# What to work on
Search the records below for the word "IFCRELASSOCIATESMATERIAL" and show every line where it occurs.

# Information supplied
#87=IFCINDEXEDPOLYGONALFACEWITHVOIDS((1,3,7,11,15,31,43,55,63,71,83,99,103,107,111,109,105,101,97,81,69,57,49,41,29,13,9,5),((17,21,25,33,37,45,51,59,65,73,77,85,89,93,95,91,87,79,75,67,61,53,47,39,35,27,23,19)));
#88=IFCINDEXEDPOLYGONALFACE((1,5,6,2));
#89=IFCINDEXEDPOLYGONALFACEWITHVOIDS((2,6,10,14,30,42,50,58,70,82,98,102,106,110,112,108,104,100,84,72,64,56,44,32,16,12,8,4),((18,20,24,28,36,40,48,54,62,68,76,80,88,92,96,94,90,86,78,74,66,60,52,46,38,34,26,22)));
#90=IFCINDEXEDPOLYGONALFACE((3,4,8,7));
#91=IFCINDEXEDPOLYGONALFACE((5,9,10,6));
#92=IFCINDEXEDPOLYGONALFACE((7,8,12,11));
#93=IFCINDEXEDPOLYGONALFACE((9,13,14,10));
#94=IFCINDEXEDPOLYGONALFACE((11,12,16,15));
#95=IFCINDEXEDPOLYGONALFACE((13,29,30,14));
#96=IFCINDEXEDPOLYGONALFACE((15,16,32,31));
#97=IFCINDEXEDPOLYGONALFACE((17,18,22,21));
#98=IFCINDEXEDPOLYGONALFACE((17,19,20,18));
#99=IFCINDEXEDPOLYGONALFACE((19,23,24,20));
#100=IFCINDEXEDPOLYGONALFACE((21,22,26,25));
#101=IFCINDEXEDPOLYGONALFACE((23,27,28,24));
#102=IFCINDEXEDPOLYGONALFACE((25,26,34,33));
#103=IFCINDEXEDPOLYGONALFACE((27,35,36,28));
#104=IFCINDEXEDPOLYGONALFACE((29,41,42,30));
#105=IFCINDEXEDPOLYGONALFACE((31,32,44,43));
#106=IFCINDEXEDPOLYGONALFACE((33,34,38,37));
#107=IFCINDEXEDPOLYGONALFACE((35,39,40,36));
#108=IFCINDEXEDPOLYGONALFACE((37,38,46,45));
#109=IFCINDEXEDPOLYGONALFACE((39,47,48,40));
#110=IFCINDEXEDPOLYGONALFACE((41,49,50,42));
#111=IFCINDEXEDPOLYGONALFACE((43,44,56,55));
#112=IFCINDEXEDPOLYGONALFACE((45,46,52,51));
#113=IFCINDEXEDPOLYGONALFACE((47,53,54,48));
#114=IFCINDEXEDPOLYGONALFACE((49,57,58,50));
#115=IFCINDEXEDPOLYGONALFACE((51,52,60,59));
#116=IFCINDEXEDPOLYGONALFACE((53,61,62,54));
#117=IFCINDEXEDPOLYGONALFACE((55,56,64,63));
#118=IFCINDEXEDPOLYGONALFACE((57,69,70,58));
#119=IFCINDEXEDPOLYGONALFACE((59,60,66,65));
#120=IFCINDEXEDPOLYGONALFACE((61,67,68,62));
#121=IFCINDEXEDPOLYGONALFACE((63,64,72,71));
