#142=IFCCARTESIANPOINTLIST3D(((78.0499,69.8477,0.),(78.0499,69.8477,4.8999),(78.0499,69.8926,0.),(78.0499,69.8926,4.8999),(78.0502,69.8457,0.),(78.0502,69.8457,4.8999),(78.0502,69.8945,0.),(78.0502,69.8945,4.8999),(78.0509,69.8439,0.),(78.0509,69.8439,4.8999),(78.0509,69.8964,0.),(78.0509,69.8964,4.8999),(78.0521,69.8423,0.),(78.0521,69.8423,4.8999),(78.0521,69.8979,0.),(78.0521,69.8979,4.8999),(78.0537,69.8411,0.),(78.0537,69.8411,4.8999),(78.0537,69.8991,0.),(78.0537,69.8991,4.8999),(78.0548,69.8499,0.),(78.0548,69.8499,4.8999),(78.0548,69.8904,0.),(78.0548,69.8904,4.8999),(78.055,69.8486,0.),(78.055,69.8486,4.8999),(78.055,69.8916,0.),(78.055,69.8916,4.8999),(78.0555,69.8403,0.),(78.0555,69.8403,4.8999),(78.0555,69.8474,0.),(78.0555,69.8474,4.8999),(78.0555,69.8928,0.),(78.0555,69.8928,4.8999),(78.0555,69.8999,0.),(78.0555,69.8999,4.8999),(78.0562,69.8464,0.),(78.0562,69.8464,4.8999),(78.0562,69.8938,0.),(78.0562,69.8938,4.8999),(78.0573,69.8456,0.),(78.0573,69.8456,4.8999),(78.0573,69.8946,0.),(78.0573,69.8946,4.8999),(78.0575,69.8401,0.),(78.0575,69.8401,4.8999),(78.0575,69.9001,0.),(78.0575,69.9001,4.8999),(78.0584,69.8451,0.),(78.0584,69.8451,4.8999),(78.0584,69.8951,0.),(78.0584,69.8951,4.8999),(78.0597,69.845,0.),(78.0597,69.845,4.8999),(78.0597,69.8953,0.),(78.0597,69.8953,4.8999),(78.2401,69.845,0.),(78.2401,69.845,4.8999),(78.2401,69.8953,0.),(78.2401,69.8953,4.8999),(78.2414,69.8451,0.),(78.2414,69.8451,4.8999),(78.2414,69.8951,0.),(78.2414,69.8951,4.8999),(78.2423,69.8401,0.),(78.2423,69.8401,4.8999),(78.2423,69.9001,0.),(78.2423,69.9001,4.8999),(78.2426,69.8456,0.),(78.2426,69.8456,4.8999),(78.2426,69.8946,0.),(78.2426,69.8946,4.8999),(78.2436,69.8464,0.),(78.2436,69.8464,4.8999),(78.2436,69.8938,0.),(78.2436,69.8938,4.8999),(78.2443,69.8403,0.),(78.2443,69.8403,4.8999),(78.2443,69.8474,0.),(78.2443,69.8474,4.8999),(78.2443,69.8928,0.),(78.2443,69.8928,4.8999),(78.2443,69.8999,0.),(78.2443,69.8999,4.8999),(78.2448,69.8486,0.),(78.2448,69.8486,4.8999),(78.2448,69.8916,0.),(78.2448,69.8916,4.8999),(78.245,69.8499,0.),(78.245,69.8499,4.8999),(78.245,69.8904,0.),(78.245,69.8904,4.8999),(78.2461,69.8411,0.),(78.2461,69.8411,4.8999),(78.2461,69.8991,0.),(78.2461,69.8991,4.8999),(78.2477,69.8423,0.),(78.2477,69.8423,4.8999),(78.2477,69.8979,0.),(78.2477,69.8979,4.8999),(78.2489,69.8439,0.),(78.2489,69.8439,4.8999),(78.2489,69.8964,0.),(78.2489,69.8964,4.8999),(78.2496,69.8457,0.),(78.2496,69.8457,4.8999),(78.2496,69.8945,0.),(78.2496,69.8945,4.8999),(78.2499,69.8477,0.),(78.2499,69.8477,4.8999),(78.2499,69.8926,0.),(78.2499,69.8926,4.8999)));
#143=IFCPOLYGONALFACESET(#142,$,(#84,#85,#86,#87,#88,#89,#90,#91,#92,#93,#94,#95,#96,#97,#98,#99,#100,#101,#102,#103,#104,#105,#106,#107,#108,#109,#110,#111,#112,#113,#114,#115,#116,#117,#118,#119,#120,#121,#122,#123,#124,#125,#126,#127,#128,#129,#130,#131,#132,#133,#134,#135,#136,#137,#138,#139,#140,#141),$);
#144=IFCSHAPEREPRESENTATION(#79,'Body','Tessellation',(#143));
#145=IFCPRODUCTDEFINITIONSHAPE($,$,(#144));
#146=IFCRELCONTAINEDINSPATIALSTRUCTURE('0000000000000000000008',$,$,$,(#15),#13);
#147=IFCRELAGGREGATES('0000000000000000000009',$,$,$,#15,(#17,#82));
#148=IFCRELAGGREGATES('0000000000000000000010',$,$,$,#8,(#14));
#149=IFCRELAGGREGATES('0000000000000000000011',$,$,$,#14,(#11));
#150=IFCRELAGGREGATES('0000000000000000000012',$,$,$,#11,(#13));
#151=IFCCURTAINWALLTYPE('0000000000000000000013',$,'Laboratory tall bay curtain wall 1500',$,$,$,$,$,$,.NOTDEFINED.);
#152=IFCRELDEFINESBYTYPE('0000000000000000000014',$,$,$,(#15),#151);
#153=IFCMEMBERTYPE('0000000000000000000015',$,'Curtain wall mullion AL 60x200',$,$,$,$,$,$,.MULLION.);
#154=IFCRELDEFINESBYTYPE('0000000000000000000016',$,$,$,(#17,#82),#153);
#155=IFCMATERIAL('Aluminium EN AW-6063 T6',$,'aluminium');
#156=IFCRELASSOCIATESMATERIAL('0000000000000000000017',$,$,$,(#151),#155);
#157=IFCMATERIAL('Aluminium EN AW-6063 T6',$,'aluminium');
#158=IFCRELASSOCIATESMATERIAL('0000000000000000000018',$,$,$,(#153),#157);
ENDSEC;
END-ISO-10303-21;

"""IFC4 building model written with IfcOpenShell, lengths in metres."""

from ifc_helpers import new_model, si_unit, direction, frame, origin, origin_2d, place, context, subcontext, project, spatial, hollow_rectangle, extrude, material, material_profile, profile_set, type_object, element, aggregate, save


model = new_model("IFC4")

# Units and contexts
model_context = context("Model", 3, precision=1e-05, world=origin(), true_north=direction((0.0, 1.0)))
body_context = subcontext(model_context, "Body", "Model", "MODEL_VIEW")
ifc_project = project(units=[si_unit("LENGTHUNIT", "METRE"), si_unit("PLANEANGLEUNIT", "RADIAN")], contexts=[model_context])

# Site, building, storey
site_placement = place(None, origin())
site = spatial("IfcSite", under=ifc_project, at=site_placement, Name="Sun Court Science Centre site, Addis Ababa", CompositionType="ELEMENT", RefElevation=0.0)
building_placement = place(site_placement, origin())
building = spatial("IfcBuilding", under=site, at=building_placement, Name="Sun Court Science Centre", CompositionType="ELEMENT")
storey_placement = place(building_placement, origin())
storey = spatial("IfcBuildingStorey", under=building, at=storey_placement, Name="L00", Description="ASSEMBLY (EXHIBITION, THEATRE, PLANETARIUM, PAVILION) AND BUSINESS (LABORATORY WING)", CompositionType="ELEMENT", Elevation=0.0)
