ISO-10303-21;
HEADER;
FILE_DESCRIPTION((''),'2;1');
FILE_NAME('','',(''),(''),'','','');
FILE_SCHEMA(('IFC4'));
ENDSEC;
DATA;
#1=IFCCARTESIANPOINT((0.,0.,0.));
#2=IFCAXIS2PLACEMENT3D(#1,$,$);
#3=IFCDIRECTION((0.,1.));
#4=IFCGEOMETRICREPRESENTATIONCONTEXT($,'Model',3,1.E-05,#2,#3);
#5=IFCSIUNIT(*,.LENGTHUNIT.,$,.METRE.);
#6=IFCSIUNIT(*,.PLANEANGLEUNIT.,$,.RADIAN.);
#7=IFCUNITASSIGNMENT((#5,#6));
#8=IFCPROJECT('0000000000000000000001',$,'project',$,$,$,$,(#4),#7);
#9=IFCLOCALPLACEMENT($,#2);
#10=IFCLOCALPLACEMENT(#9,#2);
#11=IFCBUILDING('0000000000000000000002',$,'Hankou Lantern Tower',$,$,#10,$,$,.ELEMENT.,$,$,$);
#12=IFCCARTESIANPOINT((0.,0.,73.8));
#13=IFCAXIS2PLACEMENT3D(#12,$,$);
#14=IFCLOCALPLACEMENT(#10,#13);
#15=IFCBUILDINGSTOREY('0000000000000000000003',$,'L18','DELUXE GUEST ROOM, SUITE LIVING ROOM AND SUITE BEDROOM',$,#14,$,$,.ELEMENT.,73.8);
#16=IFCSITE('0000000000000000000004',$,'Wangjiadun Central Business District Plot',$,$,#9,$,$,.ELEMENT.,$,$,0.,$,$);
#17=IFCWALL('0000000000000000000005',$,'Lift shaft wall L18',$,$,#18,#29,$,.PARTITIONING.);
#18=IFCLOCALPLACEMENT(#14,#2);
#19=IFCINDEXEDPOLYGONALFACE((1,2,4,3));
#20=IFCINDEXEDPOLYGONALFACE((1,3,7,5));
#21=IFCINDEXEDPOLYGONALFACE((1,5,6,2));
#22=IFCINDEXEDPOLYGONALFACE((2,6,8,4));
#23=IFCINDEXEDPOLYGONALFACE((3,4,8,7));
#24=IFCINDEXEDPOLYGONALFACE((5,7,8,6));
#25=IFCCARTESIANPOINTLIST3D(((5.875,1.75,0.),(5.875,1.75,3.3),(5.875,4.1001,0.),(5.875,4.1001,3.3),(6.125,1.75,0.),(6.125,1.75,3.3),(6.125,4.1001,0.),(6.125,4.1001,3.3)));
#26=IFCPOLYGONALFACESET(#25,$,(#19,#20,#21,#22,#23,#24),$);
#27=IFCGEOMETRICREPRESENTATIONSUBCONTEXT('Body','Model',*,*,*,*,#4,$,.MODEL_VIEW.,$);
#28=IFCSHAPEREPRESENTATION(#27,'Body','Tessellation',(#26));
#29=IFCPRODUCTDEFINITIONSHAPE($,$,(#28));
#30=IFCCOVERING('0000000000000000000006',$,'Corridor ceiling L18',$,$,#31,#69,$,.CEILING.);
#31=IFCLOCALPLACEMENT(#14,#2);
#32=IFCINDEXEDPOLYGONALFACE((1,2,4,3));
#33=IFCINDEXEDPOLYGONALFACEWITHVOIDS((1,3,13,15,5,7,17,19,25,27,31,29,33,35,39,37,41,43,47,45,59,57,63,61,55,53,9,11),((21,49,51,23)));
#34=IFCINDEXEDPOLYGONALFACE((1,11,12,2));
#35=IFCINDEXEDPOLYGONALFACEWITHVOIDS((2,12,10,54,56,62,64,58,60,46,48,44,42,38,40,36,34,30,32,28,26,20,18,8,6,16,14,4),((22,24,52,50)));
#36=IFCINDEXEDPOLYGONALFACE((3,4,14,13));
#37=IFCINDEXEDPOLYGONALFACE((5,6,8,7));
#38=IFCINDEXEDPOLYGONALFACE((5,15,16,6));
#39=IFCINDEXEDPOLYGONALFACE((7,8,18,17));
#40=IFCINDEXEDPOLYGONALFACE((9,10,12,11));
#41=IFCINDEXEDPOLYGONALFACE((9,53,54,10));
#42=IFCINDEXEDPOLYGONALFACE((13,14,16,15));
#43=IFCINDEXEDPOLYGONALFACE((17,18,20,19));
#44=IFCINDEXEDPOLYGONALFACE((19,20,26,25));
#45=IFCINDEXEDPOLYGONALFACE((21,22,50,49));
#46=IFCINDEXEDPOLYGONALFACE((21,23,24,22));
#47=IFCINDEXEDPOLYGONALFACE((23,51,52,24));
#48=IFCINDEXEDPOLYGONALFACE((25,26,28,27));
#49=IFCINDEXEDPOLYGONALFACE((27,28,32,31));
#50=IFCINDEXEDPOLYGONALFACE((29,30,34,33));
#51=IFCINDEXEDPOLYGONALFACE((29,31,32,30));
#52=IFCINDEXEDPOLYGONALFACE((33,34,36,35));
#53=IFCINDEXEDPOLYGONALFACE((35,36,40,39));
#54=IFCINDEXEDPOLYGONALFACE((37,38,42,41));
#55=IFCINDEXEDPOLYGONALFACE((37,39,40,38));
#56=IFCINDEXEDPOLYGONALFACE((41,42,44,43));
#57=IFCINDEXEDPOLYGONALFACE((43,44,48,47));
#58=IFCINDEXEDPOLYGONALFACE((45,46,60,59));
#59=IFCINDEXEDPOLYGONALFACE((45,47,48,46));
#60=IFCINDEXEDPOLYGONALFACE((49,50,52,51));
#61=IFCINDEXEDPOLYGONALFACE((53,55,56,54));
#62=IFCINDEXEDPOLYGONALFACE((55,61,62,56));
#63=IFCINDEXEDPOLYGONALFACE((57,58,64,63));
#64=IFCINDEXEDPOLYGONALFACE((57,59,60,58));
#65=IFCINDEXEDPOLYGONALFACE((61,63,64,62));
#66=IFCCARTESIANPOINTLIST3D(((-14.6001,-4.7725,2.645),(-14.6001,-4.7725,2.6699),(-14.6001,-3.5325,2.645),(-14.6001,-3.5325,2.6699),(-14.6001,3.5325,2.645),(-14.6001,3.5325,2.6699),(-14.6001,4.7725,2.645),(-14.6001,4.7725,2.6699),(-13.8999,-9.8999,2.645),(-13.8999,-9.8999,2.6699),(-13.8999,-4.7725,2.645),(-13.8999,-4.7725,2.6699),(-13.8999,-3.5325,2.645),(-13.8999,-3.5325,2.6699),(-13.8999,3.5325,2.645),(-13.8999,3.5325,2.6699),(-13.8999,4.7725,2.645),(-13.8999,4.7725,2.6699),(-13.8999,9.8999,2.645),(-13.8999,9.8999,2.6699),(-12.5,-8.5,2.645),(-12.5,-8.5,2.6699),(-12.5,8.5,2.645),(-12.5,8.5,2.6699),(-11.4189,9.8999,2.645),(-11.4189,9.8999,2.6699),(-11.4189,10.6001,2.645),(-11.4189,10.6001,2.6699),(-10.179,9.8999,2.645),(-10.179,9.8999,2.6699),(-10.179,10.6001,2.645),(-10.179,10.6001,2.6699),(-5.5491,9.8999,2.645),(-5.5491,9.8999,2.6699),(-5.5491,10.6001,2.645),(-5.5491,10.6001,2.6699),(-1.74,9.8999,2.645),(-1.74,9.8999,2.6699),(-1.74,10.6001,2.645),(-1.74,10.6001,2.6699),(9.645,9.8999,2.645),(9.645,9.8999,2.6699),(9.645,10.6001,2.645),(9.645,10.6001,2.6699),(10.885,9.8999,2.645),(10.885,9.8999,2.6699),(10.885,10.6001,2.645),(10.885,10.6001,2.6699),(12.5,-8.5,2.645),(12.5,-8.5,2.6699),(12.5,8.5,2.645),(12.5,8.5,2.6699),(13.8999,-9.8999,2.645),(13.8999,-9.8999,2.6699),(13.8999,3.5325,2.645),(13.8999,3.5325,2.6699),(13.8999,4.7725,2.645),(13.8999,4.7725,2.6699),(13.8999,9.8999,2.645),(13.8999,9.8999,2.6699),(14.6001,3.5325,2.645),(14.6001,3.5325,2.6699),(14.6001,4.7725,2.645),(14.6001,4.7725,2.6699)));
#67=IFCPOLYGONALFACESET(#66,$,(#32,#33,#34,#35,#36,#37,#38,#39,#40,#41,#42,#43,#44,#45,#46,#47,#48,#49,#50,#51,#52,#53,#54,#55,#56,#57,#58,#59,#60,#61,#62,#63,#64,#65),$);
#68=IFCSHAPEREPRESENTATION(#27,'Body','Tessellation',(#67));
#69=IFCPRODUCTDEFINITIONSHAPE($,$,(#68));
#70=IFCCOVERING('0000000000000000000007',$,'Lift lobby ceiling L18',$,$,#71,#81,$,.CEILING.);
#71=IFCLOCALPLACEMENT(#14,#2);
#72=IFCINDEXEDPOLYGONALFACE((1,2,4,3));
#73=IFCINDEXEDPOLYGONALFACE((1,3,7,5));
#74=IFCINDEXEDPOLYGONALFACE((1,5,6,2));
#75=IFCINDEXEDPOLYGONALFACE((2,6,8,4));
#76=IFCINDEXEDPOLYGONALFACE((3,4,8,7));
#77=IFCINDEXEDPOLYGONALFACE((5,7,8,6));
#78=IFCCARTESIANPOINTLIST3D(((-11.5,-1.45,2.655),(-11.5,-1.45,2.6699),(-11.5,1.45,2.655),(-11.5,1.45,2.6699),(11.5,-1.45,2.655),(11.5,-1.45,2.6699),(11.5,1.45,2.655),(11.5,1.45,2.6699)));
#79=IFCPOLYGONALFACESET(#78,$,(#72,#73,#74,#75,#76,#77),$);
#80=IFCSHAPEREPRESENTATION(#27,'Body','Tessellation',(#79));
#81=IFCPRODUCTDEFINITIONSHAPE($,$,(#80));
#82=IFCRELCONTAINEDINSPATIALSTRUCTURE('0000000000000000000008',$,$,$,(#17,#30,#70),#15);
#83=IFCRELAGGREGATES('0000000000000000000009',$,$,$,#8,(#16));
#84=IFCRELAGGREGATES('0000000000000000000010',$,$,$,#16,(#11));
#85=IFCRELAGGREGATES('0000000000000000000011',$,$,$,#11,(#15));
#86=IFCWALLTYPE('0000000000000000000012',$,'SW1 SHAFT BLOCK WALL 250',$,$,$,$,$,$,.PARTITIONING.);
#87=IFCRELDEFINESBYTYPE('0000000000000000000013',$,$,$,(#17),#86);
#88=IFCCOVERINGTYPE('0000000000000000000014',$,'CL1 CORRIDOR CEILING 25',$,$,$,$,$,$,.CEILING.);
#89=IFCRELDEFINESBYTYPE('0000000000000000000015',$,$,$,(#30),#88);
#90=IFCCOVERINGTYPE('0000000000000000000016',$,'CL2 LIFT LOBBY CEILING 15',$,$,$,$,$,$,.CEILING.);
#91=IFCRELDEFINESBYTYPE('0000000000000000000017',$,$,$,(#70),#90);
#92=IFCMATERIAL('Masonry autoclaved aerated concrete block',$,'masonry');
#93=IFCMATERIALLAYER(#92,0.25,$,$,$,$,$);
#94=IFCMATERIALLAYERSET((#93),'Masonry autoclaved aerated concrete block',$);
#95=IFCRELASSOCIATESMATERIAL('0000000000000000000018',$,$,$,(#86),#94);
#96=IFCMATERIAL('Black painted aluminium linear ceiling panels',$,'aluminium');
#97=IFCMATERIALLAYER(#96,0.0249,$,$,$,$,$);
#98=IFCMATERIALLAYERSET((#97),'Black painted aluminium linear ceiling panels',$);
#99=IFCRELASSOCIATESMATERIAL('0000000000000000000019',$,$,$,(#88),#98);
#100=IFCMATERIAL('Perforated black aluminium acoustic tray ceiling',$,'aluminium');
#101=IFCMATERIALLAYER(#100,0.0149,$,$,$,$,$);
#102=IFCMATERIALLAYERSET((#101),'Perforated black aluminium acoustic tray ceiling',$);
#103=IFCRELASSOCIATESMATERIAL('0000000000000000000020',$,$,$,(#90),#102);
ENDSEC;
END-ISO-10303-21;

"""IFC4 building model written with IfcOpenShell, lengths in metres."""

from ifc_helpers import new_model, si_unit, direction, frame, frame_2d, origin, place, context, subcontext, project, spatial, polyline, rectangle, outline, extrude, material, layer, layer_set, type_object, element, save


model = new_model("IFC4")

# Units and contexts
model_context = context("Model", 3, precision=1e-05, world=origin(), true_north=direction((0.0, 1.0)))
body_context = subcontext(model_context, "Body", "Model", "MODEL_VIEW")
ifc_project = project(units=[si_unit("LENGTHUNIT", "METRE"), si_unit("PLANEANGLEUNIT", "RADIAN")], contexts=[model_context])

# Site, building, storey
site_placement = place(None, origin())
site = spatial("IfcSite", under=ifc_project, at=site_placement, Name="Wangjiadun Central Business District Plot", CompositionType="ELEMENT", RefElevation=0.0)
building_placement = place(site_placement, origin())
building = spatial("IfcBuilding", under=site, at=building_placement, Name="Hankou Lantern Tower", CompositionType="ELEMENT")
storey_placement = place(building_placement, frame((0.0, 0.0, 73.8)))
storey = spatial("IfcBuildingStorey", under=building, at=storey_placement, Name="L18", Description="DELUXE GUEST ROOM, SUITE LIVING ROOM AND SUITE BEDROOM", CompositionType="ELEMENT", Elevation=73.8)

# Wall
ifc_material_1 = material(Name="Masonry autoclaved aerated concrete block", Category="masonry")
ifc_layer_1 = layer(ifc_material_1, 0.25)
ifc_layer_set_1 = layer_set([ifc_layer_1], Name="Masonry autoclaved aerated concrete block")
wall_type_1 = type_object("IfcWallType", Name="SW1 SHAFT BLOCK WALL 250", PredefinedType="PARTITIONING", material=ifc_layer_set_1)
for number, where, z_axis, x_axis, name in (
    (1, (6.0, 1.75, 0.0), (0.0, 0.0, 1.0), (0.0, 1.0, 0.0), "Lift shaft wall L18"),
):
    element("IfcWall", number, at=place(storey_placement, frame(where, z_axis=z_axis, x_axis=x_axis)), inside=storey, type_object=wall_type_1, Name=name, PredefinedType="PARTITIONING", context=body_context, shape_type="SweptSolid", body=[
        extrude(rectangle(XDim=2.3501, YDim=0.25, at=frame_2d((1.175, 0.0))), origin(), (0.0, 0.0, 1.0), 3.3),
    ])

# Coverings
ifc_material_2 = material(Name="Black painted aluminium linear ceiling panels", Category="aluminium")
ifc_layer_2 = layer(ifc_material_2, 0.0249)
ifc_layer_set_2 = layer_set([ifc_layer_2], Name="Black painted aluminium linear ceiling panels")
covering_type_1 = type_object("IfcCoveringType", Name="CL1 CORRIDOR CEILING 25", PredefinedType="CEILING", material=ifc_layer_set_2)
covering_1_placement = place(storey_placement, frame((0.0, 0.0, 2.645)))
element("IfcCovering", 2, at=covering_1_placement, inside=storey, type_object=covering_type_1, Name="Corridor ceiling L18", PredefinedType="CEILING", context=body_context, shape_type="SweptSolid", body=[
    extrude(outline(polyline([(-14.6001, -4.7725), (-13.8999, -4.7725), (-13.8999, -9.8999), (13.8999, -9.8999), (13.8999, 3.5325), (14.6001, 3.5325), (14.6001, 4.7725), (13.8999, 4.7725), (13.8999, 9.8999), (10.885, 9.8999), (10.885, 10.6001), (9.645, 10.6001), (9.645, 9.8999), (-1.74, 9.8999), (-1.74, 10.6001), (-5.5491, 10.6001), (-5.5491, 9.8999), (-10.179, 9.8999), (-10.179, 10.6001), (-11.4189, 10.6001), (-11.4189, 9.8999), (-13.8999, 9.8999), (-13.8999, 4.7725), (-14.6001, 4.7725), (-14.6001, 3.5325), (-13.8999, 3.5325), (-13.8999, -3.5325), (-14.6001, -3.5325), (-14.6001, -4.7725)]), holes=[polyline([(-12.5, 8.5), (12.5, 8.5), (12.5, -8.5), (-12.5, -8.5), (-12.5, 8.5)])]), origin(), (0.0, 0.0, 1.0), 0.0249),
])
ifc_material_3 = material(Name="Perforated black aluminium acoustic tray ceiling", Category="aluminium")
ifc_layer_3 = layer(ifc_material_3, 0.0149)
ifc_layer_set_3 = layer_set([ifc_layer_3], Name="Perforated black aluminium acoustic tray ceiling")
covering_type_2 = type_object("IfcCoveringType", Name="CL2 LIFT LOBBY CEILING 15", PredefinedType="CEILING", material=ifc_layer_set_3)
covering_2_placement = place(storey_placement, frame((0.0, 0.0, 2.655)))
element("IfcCovering", 3, at=covering_2_placement, inside=storey, type_object=covering_type_2, Name="Lift lobby ceiling L18", PredefinedType="CEILING", context=body_context, shape_type="SweptSolid", body=[
    extrude(outline(polyline([(-11.5, -1.45), (11.5, -1.45), (11.5, 1.45), (-11.5, 1.45), (-11.5, -1.45)])), origin(), (0.0, 0.0, 1.0), 0.0149),
])

save(model, "model.ifc")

# Answer to this exercise
#156=IFCRELASSOCIATESMATERIAL('0000000000000000000017',$,$,$,(#151),#155);
#158=IFCRELASSOCIATESMATERIAL('0000000000000000000018',$,$,$,(#153),#157);
#95=IFCRELASSOCIATESMATERIAL('0000000000000000000018',$,$,$,(#86),#94);
#99=IFCRELASSOCIATESMATERIAL('0000000000000000000019',$,$,$,(#88),#98);
#103=IFCRELASSOCIATESMATERIAL('0000000000000000000020',$,$,$,(#90),#102);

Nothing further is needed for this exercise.